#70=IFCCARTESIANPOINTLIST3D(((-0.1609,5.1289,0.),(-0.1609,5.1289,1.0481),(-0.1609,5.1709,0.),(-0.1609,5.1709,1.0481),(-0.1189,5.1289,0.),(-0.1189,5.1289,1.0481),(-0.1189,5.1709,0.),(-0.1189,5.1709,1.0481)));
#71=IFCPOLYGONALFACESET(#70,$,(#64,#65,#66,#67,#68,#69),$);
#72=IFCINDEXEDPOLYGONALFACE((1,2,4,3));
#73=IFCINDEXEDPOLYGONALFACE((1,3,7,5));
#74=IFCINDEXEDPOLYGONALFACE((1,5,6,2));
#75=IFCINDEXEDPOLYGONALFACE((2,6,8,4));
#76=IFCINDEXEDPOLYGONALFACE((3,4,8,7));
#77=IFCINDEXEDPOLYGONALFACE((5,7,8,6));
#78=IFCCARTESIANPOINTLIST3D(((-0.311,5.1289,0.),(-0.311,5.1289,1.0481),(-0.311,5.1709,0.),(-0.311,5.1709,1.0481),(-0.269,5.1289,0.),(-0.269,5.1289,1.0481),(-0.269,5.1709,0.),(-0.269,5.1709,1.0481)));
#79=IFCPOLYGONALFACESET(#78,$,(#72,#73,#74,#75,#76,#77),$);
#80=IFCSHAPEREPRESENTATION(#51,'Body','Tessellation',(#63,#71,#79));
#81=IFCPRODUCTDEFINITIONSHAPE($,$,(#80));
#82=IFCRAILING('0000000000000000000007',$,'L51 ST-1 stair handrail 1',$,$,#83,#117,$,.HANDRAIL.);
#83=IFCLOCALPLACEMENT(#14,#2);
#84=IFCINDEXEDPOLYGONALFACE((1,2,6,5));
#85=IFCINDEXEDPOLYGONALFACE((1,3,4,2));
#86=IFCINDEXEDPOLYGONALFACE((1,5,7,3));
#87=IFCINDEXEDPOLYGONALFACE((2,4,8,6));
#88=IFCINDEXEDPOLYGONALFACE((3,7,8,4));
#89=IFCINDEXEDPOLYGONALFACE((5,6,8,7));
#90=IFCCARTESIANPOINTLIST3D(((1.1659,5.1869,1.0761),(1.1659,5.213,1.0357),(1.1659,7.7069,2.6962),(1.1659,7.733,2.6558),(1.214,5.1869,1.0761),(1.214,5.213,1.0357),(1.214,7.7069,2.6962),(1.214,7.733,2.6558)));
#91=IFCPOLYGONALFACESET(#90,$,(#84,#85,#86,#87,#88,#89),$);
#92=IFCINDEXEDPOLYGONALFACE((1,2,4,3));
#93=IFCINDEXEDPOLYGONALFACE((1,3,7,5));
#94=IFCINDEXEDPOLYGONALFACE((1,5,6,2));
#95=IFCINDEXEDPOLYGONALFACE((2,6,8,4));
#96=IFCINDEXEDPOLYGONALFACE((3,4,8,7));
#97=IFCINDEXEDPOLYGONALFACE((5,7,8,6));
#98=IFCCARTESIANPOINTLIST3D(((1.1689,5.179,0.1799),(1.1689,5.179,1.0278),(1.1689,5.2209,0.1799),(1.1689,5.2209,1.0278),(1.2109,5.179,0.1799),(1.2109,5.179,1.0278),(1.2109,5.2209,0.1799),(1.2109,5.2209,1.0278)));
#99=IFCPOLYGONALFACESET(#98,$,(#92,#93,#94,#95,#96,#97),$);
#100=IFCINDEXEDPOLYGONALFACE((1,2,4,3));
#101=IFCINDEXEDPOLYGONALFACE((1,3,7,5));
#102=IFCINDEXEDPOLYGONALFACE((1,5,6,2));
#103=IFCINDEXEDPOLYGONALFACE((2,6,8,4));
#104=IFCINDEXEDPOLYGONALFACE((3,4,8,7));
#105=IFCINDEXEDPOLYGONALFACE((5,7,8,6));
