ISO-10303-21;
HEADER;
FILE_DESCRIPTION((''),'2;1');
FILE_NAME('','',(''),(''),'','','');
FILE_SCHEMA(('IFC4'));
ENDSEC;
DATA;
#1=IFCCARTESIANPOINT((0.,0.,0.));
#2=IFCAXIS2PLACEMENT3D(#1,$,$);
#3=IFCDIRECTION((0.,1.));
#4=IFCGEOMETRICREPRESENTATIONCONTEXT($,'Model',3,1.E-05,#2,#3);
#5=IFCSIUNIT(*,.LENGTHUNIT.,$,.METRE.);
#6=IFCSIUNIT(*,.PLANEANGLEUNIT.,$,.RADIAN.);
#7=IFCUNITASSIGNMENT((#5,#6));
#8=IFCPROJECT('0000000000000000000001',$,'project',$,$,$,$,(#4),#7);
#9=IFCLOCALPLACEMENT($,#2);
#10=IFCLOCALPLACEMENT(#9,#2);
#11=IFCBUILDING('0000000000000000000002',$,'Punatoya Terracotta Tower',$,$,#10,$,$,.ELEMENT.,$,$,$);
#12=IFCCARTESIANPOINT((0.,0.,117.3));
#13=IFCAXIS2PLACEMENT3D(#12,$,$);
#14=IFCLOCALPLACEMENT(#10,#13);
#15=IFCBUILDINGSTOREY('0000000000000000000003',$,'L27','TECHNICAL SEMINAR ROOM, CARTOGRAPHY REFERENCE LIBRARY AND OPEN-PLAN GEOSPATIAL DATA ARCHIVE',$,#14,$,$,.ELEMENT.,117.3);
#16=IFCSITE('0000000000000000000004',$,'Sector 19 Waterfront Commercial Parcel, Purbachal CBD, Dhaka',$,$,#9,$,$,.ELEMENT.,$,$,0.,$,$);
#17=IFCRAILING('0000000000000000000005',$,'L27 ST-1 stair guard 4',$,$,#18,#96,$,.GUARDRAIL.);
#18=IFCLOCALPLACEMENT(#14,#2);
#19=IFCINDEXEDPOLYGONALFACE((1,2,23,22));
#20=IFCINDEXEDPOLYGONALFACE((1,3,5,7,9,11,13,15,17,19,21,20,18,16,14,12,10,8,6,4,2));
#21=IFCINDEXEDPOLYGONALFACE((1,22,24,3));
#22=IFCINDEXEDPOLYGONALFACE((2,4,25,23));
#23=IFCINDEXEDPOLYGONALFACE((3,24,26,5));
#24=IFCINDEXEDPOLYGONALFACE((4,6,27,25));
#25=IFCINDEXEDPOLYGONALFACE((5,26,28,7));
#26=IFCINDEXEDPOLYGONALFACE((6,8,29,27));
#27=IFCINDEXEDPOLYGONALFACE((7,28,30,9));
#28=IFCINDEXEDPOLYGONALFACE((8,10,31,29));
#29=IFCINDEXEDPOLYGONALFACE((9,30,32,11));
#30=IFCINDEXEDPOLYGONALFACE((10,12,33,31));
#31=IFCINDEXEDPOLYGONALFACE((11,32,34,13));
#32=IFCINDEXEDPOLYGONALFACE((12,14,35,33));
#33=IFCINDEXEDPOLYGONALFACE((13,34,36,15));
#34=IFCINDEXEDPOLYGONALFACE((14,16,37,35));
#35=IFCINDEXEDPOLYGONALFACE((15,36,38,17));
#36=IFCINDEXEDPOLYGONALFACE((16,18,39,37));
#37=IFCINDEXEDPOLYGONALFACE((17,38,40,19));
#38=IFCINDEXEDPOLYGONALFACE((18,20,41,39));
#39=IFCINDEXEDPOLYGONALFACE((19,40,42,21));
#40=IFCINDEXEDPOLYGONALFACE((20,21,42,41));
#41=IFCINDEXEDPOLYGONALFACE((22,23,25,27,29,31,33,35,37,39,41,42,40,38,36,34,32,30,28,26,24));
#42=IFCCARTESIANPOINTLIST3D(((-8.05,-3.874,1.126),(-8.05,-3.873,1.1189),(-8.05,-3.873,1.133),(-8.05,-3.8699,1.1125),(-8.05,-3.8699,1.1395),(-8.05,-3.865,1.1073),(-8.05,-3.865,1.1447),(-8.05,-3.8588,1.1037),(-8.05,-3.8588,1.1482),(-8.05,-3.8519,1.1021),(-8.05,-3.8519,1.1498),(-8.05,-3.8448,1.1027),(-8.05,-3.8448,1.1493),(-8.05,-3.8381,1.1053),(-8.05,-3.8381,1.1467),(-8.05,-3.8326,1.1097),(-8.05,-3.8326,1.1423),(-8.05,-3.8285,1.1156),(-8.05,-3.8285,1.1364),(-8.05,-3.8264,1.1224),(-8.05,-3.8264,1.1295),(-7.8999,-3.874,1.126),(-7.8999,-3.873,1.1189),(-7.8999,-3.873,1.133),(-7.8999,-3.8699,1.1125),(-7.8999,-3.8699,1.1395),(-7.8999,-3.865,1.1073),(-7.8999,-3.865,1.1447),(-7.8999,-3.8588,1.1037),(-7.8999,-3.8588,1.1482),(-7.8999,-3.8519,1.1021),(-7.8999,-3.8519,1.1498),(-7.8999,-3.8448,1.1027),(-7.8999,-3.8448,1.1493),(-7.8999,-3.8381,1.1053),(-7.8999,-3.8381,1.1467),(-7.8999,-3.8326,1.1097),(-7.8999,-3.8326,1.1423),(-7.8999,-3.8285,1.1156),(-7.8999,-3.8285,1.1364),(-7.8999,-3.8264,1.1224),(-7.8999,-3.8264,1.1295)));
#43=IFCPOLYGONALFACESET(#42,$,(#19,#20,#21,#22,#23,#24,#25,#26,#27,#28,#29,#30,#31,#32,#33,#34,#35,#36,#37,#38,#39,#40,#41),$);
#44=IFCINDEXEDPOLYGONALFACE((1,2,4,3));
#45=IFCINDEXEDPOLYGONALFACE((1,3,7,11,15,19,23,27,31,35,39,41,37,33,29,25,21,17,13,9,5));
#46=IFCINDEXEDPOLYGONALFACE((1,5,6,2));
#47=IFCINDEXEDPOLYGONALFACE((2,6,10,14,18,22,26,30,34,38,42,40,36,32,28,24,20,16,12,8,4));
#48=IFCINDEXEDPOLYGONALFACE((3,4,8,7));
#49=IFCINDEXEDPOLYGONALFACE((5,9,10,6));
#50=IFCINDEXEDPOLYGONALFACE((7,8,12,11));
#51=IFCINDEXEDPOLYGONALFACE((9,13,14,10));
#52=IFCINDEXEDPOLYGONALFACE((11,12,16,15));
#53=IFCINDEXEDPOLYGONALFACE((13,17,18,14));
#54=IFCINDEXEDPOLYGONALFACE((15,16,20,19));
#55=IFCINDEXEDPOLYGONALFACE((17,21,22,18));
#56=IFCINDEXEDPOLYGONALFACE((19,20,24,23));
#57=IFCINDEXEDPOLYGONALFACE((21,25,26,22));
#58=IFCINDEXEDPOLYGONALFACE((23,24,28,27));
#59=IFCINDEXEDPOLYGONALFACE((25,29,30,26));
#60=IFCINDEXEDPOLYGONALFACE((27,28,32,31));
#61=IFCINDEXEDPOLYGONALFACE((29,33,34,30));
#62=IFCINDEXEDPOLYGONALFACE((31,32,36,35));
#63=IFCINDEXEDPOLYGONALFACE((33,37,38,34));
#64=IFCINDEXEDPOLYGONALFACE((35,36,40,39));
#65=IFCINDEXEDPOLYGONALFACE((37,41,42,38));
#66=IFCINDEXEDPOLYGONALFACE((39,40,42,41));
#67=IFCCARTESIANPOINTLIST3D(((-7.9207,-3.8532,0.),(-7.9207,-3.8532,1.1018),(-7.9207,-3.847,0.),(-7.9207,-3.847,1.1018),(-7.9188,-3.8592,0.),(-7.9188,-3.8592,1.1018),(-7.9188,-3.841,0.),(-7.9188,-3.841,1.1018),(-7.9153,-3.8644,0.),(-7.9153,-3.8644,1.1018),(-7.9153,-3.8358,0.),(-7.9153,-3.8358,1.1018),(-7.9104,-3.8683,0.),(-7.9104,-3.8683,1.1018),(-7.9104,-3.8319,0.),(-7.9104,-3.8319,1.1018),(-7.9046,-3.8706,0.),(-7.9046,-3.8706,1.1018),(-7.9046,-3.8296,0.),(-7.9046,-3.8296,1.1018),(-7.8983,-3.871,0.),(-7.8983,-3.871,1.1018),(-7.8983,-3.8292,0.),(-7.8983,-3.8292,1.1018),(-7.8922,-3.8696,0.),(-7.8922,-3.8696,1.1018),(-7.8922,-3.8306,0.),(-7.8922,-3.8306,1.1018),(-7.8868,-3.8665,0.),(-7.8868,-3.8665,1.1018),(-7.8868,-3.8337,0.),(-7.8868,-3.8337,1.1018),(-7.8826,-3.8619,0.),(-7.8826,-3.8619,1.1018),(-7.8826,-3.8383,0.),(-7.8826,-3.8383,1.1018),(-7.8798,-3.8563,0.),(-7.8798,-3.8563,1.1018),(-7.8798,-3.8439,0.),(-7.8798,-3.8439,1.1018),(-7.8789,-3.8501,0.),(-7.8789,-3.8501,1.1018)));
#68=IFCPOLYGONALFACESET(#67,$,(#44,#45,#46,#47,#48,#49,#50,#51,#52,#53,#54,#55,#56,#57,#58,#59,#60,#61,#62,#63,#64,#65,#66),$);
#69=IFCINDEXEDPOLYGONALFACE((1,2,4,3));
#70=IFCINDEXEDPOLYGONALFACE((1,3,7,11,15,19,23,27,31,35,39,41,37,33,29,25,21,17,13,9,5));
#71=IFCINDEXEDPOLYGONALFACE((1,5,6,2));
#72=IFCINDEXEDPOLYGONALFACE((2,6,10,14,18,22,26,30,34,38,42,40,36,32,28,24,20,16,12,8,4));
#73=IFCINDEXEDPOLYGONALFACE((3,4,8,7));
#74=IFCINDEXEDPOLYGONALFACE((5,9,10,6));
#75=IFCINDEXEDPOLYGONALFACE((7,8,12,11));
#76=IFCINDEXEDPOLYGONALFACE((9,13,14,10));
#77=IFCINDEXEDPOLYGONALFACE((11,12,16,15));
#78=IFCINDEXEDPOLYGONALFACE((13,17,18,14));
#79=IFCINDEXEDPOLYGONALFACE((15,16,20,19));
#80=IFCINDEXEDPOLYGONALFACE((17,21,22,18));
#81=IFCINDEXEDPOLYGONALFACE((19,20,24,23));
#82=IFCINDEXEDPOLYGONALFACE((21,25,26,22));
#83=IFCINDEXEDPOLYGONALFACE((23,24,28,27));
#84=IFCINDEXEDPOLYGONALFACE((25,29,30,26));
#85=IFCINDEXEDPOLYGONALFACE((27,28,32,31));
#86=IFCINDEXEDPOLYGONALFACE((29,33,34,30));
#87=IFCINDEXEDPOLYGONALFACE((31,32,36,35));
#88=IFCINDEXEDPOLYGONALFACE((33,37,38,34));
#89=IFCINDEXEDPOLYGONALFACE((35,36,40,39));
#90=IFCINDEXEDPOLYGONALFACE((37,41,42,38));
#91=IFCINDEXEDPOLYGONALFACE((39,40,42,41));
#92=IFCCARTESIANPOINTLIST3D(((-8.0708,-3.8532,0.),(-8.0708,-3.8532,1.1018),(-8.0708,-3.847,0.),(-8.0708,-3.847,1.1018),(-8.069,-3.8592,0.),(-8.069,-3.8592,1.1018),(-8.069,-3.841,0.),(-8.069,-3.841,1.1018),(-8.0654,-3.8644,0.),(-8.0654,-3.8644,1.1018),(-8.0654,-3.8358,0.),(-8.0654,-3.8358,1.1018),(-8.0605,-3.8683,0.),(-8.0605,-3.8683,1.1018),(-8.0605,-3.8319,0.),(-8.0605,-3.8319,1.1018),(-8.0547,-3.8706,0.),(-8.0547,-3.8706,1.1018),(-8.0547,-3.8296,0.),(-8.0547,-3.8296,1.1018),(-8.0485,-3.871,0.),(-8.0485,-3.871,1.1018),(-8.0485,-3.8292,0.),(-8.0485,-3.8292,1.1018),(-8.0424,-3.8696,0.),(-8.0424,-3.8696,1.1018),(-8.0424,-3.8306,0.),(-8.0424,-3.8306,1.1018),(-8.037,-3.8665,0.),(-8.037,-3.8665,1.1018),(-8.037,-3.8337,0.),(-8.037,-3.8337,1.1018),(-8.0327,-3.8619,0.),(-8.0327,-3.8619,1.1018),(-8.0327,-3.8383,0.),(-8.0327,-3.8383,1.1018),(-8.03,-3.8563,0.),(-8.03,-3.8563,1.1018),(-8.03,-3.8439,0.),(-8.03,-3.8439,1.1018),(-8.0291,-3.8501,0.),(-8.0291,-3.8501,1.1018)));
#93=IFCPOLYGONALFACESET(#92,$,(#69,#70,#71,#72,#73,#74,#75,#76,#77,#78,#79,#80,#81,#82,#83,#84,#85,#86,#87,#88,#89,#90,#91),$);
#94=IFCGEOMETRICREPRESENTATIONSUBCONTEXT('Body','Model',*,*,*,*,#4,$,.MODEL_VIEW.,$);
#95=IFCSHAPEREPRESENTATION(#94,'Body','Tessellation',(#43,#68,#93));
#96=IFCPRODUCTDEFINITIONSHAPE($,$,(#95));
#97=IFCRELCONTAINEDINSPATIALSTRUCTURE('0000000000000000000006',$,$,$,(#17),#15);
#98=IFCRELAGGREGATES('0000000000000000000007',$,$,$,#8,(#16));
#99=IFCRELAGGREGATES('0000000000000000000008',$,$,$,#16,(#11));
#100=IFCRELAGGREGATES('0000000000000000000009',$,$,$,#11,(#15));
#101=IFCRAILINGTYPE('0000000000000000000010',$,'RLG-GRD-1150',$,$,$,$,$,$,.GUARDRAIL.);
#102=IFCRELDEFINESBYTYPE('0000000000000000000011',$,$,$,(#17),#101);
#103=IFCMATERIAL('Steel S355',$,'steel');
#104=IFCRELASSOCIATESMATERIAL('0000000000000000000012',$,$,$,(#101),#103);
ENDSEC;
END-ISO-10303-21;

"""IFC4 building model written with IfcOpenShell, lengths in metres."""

from ifc_helpers import new_model, si_unit, direction, frame, origin, origin_2d, place, context, subcontext, project, spatial, circle, extrude, material, type_object, element, save


model = new_model("IFC4")

# Units and contexts
model_context = context("Model", 3, precision=1e-05, world=origin(), true_north=direction((0.0, 1.0)))
body_context = subcontext(model_context, "Body", "Model", "MODEL_VIEW")
ifc_project = project(units=[si_unit("LENGTHUNIT", "METRE"), si_unit("PLANEANGLEUNIT", "RADIAN")], contexts=[model_context])

# Site, building, storey
site_placement = place(None, origin())
site = spatial("IfcSite", under=ifc_project, at=site_placement, Name="Sector 19 Waterfront Commercial Parcel, Purbachal CBD, Dhaka", CompositionType="ELEMENT", RefElevation=0.0)
building_placement = place(site_placement, origin())
building = spatial("IfcBuilding", under=site, at=building_placement, Name="Punatoya Terracotta Tower", CompositionType="ELEMENT")
storey_placement = place(building_placement, frame((0.0, 0.0, 117.3)))
storey = spatial("IfcBuildingStorey", under=building, at=storey_placement, Name="L27", Description="TECHNICAL SEMINAR ROOM, CARTOGRAPHY REFERENCE LIBRARY AND OPEN-PLAN GEOSPATIAL DATA ARCHIVE", CompositionType="ELEMENT", Elevation=117.3)

# Railing
ifc_material_1 = material(Name="Steel S355", Category="steel")
railing_type_1 = type_object("IfcRailingType", Name="RLG-GRD-1150", PredefinedType="GUARDRAIL", material=ifc_material_1)
railing_1_placement = place(storey_placement, frame((-7.8999, -3.8501, 0.0)))
element("IfcRailing", 1, at=railing_1_placement, inside=storey, type_object=railing_type_1, Name="L27 ST-1 stair guard 4", PredefinedType="GUARDRAIL", context=body_context, shape_type="SweptSolid", body=[
    extrude(circle(Radius=0.0239, at=origin_2d()), frame((0.0, 0.0, 1.126), z_axis=(-1.0, 0.0, 0.0), x_axis=(0.0, -1.0, 0.0)), (0.0, 0.0, 1.0), 0.1501),
    extrude(circle(Radius=0.021, at=origin_2d()), origin(), (0.0, 0.0, 1.0), 1.1018),
    extrude(circle(Radius=0.021, at=origin_2d()), frame((-0.1501, 0.0, 0.0)), (0.0, 0.0, 1.0), 1.1018),
])

save(model, "model.ifc")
+ + + + +
Which lines of the records above contain the word "Tessellation"? Copy each of them.

#80=IFCSHAPEREPRESENTATION(#51,'Body','Tessellation',(#63,#71,#79));
#95=IFCSHAPEREPRESENTATION(#94,'Body','Tessellation',(#43,#68,#93));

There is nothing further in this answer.